_INSTRUCTIONS FOR THE TASK:_ Would you please copy each line of the data in which the string "Body" occurs?

_RECORDS SUPPLIED:_
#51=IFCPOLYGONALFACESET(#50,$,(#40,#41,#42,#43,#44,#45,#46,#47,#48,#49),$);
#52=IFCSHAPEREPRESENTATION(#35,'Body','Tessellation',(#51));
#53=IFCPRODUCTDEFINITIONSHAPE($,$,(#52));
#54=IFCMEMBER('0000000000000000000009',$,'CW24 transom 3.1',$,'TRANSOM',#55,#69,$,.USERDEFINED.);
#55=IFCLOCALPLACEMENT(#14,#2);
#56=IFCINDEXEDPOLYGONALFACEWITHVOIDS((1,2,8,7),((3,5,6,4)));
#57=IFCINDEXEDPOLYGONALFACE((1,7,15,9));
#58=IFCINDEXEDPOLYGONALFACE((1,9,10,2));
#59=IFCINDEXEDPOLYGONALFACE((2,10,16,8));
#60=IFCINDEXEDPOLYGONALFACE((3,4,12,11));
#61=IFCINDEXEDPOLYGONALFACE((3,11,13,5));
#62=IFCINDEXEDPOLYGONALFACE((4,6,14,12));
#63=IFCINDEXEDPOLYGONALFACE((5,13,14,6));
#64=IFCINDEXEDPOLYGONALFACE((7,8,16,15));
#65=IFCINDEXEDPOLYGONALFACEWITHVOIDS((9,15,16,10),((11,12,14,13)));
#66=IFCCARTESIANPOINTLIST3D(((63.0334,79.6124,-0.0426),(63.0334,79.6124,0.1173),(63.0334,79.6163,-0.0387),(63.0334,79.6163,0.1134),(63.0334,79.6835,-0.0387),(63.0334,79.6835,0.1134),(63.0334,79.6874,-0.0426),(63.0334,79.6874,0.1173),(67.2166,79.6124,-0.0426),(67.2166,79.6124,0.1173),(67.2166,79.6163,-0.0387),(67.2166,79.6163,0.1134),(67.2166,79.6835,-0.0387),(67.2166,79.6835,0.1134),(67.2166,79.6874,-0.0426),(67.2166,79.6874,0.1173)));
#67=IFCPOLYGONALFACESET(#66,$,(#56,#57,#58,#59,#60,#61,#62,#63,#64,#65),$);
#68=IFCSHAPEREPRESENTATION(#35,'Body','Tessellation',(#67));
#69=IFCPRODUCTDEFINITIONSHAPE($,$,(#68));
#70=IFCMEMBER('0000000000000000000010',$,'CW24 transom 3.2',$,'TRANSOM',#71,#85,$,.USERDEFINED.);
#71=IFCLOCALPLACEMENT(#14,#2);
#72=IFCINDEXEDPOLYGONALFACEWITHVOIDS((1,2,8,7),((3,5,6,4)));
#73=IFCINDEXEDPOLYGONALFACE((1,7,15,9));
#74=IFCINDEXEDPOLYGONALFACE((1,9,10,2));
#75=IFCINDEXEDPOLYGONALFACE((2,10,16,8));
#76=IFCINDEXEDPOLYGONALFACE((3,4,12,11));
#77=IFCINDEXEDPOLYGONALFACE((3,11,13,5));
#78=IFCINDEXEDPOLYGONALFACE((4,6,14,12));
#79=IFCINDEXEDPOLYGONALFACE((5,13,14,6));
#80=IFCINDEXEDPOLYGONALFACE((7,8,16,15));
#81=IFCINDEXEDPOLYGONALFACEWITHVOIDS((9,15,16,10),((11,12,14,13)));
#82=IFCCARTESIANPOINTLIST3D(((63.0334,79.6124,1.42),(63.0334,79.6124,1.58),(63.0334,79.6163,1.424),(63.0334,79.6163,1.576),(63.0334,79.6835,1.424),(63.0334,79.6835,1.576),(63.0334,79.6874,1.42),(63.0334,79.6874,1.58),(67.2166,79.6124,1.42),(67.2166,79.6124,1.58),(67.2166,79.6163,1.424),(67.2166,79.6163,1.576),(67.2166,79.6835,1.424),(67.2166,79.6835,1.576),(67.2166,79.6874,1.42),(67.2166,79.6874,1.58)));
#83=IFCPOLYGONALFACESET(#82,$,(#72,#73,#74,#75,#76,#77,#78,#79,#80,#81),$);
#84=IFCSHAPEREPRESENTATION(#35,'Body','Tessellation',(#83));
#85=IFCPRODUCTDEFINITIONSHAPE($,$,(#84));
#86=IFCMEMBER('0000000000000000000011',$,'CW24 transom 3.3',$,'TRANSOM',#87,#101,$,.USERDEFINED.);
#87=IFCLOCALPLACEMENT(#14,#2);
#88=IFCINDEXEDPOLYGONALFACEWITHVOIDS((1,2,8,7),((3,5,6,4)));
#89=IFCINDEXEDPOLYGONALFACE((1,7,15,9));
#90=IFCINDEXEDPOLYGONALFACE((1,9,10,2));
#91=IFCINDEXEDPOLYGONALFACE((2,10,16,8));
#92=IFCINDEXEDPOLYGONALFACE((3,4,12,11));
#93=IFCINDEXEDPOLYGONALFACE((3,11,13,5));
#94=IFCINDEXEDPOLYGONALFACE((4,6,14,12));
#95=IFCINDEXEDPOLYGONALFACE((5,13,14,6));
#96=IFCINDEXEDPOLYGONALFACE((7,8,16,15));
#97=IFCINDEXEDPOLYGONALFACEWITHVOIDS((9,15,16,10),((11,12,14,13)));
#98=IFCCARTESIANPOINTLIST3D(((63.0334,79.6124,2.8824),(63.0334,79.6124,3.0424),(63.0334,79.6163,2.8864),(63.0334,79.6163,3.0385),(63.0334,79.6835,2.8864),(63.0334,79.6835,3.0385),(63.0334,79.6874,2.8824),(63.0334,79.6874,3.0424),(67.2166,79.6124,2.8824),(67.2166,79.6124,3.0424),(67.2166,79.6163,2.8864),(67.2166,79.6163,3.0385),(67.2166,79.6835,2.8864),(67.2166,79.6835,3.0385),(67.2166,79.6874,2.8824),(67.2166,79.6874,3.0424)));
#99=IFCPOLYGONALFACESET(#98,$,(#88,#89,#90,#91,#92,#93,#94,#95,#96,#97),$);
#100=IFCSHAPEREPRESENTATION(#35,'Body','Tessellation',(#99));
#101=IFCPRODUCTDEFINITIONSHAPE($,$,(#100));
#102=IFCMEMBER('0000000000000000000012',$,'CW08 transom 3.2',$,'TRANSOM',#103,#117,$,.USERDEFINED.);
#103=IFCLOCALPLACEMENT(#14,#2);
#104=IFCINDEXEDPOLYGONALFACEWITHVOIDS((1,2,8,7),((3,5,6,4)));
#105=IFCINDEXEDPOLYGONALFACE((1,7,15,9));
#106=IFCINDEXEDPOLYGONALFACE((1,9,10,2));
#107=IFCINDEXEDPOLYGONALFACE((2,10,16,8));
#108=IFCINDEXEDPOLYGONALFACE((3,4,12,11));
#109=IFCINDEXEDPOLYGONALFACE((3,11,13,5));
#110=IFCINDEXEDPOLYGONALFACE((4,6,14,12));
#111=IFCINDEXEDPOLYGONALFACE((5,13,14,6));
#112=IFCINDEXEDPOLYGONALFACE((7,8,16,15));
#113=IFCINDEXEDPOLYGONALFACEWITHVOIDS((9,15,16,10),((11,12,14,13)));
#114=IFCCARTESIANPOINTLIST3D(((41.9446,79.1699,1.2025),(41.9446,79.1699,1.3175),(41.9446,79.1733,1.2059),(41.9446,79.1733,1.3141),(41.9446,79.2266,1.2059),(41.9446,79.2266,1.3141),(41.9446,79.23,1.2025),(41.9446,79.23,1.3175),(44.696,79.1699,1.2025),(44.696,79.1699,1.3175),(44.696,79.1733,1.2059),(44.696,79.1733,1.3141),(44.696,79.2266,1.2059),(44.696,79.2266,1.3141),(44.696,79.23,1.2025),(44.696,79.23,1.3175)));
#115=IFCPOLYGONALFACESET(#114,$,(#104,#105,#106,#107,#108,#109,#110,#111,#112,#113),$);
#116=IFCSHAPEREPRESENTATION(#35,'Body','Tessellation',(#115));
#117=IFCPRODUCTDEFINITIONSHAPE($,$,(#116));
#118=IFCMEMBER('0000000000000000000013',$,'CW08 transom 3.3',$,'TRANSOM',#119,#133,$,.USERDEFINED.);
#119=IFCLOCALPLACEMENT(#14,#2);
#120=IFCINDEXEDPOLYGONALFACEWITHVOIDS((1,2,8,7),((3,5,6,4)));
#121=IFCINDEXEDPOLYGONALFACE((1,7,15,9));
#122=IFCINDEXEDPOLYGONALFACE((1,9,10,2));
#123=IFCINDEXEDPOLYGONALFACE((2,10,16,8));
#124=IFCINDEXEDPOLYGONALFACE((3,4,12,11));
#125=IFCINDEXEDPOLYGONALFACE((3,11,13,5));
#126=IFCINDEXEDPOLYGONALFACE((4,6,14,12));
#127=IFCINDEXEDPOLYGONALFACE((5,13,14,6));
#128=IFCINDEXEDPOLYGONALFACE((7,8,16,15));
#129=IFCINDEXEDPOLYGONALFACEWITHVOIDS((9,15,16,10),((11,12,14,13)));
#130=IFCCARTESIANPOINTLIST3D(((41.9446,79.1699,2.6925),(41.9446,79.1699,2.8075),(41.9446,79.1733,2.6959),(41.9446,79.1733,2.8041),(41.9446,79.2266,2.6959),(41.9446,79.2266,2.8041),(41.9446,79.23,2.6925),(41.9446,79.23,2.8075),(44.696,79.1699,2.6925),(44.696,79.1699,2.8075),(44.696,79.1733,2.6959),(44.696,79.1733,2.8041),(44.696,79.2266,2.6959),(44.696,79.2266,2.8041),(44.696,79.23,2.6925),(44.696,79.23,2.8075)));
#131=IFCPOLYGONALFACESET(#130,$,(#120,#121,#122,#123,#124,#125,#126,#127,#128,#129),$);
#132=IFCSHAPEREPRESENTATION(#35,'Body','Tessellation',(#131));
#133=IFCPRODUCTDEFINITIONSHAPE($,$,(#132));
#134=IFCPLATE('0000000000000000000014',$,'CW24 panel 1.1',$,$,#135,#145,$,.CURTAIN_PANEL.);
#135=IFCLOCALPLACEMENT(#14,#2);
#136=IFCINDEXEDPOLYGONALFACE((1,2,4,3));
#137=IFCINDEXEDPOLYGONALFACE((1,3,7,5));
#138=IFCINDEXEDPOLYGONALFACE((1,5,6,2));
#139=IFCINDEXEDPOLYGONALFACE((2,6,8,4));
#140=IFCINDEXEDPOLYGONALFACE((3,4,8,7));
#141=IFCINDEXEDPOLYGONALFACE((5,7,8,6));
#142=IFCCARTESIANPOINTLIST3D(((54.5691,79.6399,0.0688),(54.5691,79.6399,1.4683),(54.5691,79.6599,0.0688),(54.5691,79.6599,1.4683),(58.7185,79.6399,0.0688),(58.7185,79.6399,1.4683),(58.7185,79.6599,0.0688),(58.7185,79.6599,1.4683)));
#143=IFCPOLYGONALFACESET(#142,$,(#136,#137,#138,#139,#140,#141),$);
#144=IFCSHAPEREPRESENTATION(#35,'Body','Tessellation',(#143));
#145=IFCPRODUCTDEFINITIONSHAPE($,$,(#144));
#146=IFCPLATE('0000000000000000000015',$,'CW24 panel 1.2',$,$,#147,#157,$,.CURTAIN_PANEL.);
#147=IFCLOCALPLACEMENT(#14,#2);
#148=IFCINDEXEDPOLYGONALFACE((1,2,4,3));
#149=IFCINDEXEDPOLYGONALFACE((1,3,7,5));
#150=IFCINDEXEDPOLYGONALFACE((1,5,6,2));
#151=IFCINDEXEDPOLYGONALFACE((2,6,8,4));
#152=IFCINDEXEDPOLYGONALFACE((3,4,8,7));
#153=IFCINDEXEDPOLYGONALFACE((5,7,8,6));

* * *

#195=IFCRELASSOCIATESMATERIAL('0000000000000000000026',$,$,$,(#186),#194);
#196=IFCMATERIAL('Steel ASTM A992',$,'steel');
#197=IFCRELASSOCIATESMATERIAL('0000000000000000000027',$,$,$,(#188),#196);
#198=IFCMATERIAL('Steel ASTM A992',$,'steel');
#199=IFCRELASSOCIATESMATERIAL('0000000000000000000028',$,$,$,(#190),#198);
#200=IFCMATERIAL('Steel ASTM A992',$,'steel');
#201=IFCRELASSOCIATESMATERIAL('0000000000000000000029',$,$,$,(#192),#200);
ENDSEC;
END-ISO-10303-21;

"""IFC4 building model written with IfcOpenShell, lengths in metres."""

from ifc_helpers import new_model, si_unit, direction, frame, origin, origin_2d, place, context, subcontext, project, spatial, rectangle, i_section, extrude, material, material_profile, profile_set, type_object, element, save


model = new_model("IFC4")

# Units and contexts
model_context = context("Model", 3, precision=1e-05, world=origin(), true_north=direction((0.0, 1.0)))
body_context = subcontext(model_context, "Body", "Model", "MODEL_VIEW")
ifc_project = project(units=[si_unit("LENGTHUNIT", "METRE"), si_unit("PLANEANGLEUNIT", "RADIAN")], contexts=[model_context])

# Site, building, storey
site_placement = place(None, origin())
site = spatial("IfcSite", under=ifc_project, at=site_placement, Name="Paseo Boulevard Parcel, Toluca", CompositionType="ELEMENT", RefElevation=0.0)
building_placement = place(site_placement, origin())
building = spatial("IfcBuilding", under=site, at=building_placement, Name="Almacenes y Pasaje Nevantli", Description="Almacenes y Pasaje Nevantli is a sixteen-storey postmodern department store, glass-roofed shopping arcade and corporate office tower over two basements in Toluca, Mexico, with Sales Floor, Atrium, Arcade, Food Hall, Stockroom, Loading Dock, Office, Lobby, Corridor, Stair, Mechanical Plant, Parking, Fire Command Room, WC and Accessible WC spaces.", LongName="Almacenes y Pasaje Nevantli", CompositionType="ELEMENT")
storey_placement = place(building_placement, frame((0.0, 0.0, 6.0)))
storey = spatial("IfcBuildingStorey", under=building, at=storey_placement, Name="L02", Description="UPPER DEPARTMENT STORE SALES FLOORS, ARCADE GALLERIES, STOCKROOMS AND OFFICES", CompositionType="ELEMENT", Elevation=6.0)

_RESULT OF THE TASK:_
#52=IFCSHAPEREPRESENTATION(#35,'Body','Tessellation',(#51));
#68=IFCSHAPEREPRESENTATION(#35,'Body','Tessellation',(#67));
#84=IFCSHAPEREPRESENTATION(#35,'Body','Tessellation',(#83));
#100=IFCSHAPEREPRESENTATION(#35,'Body','Tessellation',(#99));
#116=IFCSHAPEREPRESENTATION(#35,'Body','Tessellation',(#115));
#132=IFCSHAPEREPRESENTATION(#35,'Body','Tessellation',(#131));
#144=IFCSHAPEREPRESENTATION(#35,'Body','Tessellation',(#143));
body_context = subcontext(model_context, "Body", "Model", "MODEL_VIEW")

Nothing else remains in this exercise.